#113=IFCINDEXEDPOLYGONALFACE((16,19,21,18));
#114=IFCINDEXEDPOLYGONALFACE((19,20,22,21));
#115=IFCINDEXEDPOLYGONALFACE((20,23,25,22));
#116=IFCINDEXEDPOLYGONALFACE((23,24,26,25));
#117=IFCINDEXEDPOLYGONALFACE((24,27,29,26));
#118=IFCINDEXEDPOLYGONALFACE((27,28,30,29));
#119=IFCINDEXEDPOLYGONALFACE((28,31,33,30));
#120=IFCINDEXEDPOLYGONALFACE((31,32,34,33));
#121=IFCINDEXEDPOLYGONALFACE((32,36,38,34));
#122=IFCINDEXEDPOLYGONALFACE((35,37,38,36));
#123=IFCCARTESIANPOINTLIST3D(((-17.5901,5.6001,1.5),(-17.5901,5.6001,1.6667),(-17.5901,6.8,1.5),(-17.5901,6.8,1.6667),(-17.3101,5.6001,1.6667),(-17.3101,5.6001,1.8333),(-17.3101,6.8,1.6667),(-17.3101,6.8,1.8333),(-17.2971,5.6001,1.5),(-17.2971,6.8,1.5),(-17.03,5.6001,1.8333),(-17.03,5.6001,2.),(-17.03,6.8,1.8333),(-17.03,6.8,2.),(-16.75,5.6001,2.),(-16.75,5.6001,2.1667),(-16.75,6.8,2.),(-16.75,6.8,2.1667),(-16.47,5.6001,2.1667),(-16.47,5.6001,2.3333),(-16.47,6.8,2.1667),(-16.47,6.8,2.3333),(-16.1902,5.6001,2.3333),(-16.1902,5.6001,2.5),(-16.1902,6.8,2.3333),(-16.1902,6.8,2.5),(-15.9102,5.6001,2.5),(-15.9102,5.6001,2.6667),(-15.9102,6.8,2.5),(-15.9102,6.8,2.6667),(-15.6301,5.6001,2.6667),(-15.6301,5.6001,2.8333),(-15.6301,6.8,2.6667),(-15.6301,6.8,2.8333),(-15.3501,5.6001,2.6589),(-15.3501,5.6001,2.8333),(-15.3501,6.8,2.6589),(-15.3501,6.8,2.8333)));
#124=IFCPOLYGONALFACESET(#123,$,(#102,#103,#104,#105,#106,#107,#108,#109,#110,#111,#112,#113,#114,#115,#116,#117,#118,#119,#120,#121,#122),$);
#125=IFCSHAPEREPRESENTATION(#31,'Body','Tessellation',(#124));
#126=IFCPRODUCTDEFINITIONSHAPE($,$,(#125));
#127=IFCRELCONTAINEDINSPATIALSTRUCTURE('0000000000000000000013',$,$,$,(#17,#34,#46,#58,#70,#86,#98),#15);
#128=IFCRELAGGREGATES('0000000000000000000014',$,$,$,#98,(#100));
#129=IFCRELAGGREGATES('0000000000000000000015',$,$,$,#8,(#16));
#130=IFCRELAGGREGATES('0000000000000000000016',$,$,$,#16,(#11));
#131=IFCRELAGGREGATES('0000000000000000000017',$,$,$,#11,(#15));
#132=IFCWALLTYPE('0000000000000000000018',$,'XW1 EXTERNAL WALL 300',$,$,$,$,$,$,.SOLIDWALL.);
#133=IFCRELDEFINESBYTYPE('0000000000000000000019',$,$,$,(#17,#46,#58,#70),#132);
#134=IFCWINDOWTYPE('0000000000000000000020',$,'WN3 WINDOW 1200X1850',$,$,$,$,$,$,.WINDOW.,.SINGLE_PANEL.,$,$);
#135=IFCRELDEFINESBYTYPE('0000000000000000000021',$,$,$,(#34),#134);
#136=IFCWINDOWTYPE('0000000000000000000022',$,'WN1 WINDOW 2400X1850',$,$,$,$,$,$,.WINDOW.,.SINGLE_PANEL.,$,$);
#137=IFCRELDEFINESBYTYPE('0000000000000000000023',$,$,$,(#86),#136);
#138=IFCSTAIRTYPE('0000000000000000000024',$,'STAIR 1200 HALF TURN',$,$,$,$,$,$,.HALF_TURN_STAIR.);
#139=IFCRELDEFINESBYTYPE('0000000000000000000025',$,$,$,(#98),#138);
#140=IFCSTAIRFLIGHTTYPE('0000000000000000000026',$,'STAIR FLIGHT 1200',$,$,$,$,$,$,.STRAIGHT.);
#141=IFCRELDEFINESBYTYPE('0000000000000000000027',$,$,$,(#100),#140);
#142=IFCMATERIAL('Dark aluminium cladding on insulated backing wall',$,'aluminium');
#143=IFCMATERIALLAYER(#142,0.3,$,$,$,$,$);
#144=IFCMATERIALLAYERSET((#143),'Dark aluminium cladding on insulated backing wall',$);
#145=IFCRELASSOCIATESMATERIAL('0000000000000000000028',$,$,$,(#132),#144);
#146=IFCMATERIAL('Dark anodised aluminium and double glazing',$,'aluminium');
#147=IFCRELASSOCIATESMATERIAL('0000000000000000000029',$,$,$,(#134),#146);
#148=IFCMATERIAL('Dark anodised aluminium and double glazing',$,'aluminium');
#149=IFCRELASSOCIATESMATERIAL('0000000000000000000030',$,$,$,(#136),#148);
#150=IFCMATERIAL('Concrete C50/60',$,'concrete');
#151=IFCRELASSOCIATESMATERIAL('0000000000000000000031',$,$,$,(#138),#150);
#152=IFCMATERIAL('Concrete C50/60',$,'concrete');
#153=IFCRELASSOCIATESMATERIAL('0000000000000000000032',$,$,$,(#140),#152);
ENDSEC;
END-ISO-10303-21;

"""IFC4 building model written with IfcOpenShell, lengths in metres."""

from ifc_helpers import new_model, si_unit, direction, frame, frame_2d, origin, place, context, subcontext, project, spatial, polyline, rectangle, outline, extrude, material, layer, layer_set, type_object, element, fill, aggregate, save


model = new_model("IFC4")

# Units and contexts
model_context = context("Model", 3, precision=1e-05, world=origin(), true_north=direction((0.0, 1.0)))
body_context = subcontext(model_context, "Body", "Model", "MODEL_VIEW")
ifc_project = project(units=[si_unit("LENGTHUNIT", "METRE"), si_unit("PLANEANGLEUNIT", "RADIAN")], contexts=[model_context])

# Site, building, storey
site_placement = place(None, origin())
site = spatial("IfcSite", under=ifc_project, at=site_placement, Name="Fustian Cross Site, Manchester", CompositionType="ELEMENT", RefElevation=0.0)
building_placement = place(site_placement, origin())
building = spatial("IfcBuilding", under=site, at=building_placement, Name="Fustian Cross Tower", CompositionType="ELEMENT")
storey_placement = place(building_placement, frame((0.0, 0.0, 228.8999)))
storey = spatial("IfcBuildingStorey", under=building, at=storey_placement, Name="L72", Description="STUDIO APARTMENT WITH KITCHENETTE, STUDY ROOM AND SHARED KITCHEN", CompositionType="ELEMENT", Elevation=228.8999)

## PROBLEM REQUIREMENTS
Could you copy each line of the material that holds "IFCWINDOWTYPE"?

## ANSWER BOX
#134=IFCWINDOWTYPE('0000000000000000000020',$,'WN3 WINDOW 1200X1850',$,$,$,$,$,$,.WINDOW.,.SINGLE_PANEL.,$,$);
#136=IFCWINDOWTYPE('0000000000000000000022',$,'WN1 WINDOW 2400X1850',$,$,$,$,$,$,.WINDOW.,.SINGLE_PANEL.,$,$);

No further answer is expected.